━━━━━ RECORDS PROVIDED ━━━━━
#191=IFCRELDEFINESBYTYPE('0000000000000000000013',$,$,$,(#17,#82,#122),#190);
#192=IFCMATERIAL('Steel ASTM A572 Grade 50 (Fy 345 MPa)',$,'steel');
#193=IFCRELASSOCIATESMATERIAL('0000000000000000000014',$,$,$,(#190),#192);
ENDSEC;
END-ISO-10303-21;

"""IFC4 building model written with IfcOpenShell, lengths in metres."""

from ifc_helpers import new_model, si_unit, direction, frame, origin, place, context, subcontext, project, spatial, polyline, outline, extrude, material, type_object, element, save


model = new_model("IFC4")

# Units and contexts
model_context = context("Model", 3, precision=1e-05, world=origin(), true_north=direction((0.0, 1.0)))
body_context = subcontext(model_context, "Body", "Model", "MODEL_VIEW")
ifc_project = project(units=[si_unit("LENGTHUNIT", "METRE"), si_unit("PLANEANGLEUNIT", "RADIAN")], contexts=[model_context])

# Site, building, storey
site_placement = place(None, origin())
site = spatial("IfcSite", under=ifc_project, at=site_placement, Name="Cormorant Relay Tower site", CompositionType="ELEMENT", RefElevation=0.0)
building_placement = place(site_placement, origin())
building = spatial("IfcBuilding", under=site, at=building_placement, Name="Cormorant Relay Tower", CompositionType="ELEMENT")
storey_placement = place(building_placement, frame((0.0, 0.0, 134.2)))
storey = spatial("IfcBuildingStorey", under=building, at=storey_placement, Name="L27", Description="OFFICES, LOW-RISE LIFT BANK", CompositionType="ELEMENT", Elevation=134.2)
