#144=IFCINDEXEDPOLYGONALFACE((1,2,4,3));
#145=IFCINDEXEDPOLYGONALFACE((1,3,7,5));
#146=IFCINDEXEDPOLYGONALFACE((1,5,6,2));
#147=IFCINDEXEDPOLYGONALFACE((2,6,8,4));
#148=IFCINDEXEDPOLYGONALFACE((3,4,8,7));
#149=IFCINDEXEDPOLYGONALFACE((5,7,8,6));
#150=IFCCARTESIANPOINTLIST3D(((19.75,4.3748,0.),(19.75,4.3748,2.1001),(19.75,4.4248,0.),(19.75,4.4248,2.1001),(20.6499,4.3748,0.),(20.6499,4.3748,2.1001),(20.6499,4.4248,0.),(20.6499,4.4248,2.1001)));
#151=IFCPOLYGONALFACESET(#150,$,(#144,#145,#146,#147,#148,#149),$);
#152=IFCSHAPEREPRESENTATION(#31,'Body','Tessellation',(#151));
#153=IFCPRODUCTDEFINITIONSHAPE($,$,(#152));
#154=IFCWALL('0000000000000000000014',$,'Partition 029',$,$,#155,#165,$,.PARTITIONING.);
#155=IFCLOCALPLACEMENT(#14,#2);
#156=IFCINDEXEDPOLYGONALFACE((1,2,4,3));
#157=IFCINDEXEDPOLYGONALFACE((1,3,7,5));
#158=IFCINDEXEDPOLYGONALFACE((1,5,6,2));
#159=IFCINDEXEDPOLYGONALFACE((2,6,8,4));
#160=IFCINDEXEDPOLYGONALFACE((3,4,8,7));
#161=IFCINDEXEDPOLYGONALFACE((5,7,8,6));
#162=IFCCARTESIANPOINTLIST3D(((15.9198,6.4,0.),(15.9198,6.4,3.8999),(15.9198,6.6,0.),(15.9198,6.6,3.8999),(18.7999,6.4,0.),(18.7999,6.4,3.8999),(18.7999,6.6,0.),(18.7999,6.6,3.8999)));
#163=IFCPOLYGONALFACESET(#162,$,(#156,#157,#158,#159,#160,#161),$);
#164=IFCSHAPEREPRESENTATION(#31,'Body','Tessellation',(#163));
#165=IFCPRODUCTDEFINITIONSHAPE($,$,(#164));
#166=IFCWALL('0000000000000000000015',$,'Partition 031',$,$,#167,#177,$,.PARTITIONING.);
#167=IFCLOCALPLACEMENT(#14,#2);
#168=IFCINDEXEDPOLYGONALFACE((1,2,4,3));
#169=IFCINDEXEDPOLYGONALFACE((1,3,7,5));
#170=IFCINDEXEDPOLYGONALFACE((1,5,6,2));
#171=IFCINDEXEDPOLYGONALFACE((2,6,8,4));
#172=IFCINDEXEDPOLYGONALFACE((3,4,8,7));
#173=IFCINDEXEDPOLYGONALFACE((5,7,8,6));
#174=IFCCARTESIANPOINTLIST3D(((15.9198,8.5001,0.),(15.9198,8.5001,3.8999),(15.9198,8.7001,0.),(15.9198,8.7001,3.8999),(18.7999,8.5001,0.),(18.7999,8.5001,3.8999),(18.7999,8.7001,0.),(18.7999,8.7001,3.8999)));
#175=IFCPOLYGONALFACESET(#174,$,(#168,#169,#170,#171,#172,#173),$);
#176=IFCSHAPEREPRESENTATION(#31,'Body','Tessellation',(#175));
━━━━━
#### HOW TO COMPLETE THIS TASK:
The required output is the full set of entries, reproduced verbatim.

#### REPLY TO THE EXERCISE:
#191=IFCRELDEFINESBYTYPE('0000000000000000000013',$,$,$,(#17,#82,#122),#190);
#192=IFCMATERIAL('Steel ASTM A572 Grade 50 (Fy 345 MPa)',$,'steel');
#193=IFCRELASSOCIATESMATERIAL('0000000000000000000014',$,$,$,(#190),#192);
ENDSEC;
END-ISO-10303-21;

"""IFC4 building model written with IfcOpenShell, lengths in metres."""

from ifc_helpers import new_model, si_unit, direction, frame, origin, place, context, subcontext, project, spatial, polyline, outline, extrude, material, type_object, element, save


model = new_model("IFC4")

# Units and contexts
model_context = context("Model", 3, precision=1e-05, world=origin(), true_north=direction((0.0, 1.0)))
body_context = subcontext(model_context, "Body", "Model", "MODEL_VIEW")
ifc_project = project(units=[si_unit("LENGTHUNIT", "METRE"), si_unit("PLANEANGLEUNIT", "RADIAN")], contexts=[model_context])

# Site, building, storey
site_placement = place(None, origin())
site = spatial("IfcSite", under=ifc_project, at=site_placement, Name="Cormorant Relay Tower site", CompositionType="ELEMENT", RefElevation=0.0)
building_placement = place(site_placement, origin())
building = spatial("IfcBuilding", under=site, at=building_placement, Name="Cormorant Relay Tower", CompositionType="ELEMENT")
storey_placement = place(building_placement, frame((0.0, 0.0, 134.2)))
storey = spatial("IfcBuildingStorey", under=building, at=storey_placement, Name="L27", Description="OFFICES, LOW-RISE LIFT BANK", CompositionType="ELEMENT", Elevation=134.2)
#144=IFCINDEXEDPOLYGONALFACE((1,2,4,3));
#145=IFCINDEXEDPOLYGONALFACE((1,3,7,5));
#146=IFCINDEXEDPOLYGONALFACE((1,5,6,2));
#147=IFCINDEXEDPOLYGONALFACE((2,6,8,4));
#148=IFCINDEXEDPOLYGONALFACE((3,4,8,7));
#149=IFCINDEXEDPOLYGONALFACE((5,7,8,6));
#150=IFCCARTESIANPOINTLIST3D(((19.75,4.3748,0.),(19.75,4.3748,2.1001),(19.75,4.4248,0.),(19.75,4.4248,2.1001),(20.6499,4.3748,0.),(20.6499,4.3748,2.1001),(20.6499,4.4248,0.),(20.6499,4.4248,2.1001)));
#151=IFCPOLYGONALFACESET(#150,$,(#144,#145,#146,#147,#148,#149),$);
#152=IFCSHAPEREPRESENTATION(#31,'Body','Tessellation',(#151));
#153=IFCPRODUCTDEFINITIONSHAPE($,$,(#152));
#154=IFCWALL('0000000000000000000014',$,'Partition 029',$,$,#155,#165,$,.PARTITIONING.);
#155=IFCLOCALPLACEMENT(#14,#2);
#156=IFCINDEXEDPOLYGONALFACE((1,2,4,3));
#157=IFCINDEXEDPOLYGONALFACE((1,3,7,5));
#158=IFCINDEXEDPOLYGONALFACE((1,5,6,2));
#159=IFCINDEXEDPOLYGONALFACE((2,6,8,4));
#160=IFCINDEXEDPOLYGONALFACE((3,4,8,7));
#161=IFCINDEXEDPOLYGONALFACE((5,7,8,6));
#162=IFCCARTESIANPOINTLIST3D(((15.9198,6.4,0.),(15.9198,6.4,3.8999),(15.9198,6.6,0.),(15.9198,6.6,3.8999),(18.7999,6.4,0.),(18.7999,6.4,3.8999),(18.7999,6.6,0.),(18.7999,6.6,3.8999)));
#163=IFCPOLYGONALFACESET(#162,$,(#156,#157,#158,#159,#160,#161),$);
#164=IFCSHAPEREPRESENTATION(#31,'Body','Tessellation',(#163));
#165=IFCPRODUCTDEFINITIONSHAPE($,$,(#164));
#166=IFCWALL('0000000000000000000015',$,'Partition 031',$,$,#167,#177,$,.PARTITIONING.);
#167=IFCLOCALPLACEMENT(#14,#2);
#168=IFCINDEXEDPOLYGONALFACE((1,2,4,3));
#169=IFCINDEXEDPOLYGONALFACE((1,3,7,5));
#170=IFCINDEXEDPOLYGONALFACE((1,5,6,2));
#171=IFCINDEXEDPOLYGONALFACE((2,6,8,4));
#172=IFCINDEXEDPOLYGONALFACE((3,4,8,7));
#173=IFCINDEXEDPOLYGONALFACE((5,7,8,6));
#174=IFCCARTESIANPOINTLIST3D(((15.9198,8.5001,0.),(15.9198,8.5001,3.8999),(15.9198,8.7001,0.),(15.9198,8.7001,3.8999),(18.7999,8.5001,0.),(18.7999,8.5001,3.8999),(18.7999,8.7001,0.),(18.7999,8.7001,3.8999)));
#175=IFCPOLYGONALFACESET(#174,$,(#168,#169,#170,#171,#172,#173),$);
#176=IFCSHAPEREPRESENTATION(#31,'Body','Tessellation',(#175));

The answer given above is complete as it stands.